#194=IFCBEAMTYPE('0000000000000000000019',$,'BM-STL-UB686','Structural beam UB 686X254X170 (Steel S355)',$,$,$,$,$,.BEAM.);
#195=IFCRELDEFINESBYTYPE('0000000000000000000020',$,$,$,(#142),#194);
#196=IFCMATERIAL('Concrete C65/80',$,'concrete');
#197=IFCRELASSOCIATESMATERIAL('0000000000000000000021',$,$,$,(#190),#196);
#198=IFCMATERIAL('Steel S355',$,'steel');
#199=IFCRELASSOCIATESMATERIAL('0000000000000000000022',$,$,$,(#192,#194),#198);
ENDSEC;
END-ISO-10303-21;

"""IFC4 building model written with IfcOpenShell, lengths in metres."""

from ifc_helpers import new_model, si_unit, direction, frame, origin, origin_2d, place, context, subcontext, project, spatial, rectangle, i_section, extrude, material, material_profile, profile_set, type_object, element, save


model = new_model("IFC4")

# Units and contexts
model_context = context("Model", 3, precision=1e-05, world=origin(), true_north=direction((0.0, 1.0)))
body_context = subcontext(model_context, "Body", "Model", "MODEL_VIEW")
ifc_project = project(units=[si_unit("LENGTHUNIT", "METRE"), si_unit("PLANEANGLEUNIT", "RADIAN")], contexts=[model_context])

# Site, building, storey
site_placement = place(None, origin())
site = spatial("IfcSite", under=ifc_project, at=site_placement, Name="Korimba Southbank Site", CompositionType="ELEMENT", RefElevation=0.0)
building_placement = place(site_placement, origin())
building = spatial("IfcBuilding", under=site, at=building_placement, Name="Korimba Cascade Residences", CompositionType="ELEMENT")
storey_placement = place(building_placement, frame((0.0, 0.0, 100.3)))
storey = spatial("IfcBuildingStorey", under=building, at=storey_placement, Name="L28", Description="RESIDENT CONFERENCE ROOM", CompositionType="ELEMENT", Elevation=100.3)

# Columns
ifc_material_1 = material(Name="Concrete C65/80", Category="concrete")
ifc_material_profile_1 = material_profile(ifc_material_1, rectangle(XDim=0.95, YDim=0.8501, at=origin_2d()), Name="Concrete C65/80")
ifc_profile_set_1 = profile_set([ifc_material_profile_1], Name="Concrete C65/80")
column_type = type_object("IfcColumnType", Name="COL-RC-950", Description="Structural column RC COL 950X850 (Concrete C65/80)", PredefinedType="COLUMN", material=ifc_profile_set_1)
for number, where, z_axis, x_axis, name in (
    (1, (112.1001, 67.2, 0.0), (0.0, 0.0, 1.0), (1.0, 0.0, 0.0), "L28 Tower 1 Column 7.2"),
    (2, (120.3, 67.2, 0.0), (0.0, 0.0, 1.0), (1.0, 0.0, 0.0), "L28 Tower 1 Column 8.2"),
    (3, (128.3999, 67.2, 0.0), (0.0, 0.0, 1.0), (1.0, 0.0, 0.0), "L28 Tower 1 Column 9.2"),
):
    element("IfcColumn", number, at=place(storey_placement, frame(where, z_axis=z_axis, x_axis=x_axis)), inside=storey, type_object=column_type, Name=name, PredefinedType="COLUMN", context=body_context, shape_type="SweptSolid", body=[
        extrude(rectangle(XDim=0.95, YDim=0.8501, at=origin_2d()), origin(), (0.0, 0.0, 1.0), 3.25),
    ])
____
Please find the lines in the data that contain the word "spatial" and copy them.

**RESULT OF THIS TASK**
from ifc_helpers import new_model, si_unit, direction, frame, origin, origin_2d, place, context, subcontext, project, spatial, rectangle, i_section, extrude, material, material_profile, profile_set, type_object, element, save
site = spatial("IfcSite", under=ifc_project, at=site_placement, Name="Korimba Southbank Site", CompositionType="ELEMENT", RefElevation=0.0)
building = spatial("IfcBuilding", under=site, at=building_placement, Name="Korimba Cascade Residences", CompositionType="ELEMENT")
storey = spatial("IfcBuildingStorey", under=building, at=storey_placement, Name="L28", Description="RESIDENT CONFERENCE ROOM", CompositionType="ELEMENT", Elevation=100.3)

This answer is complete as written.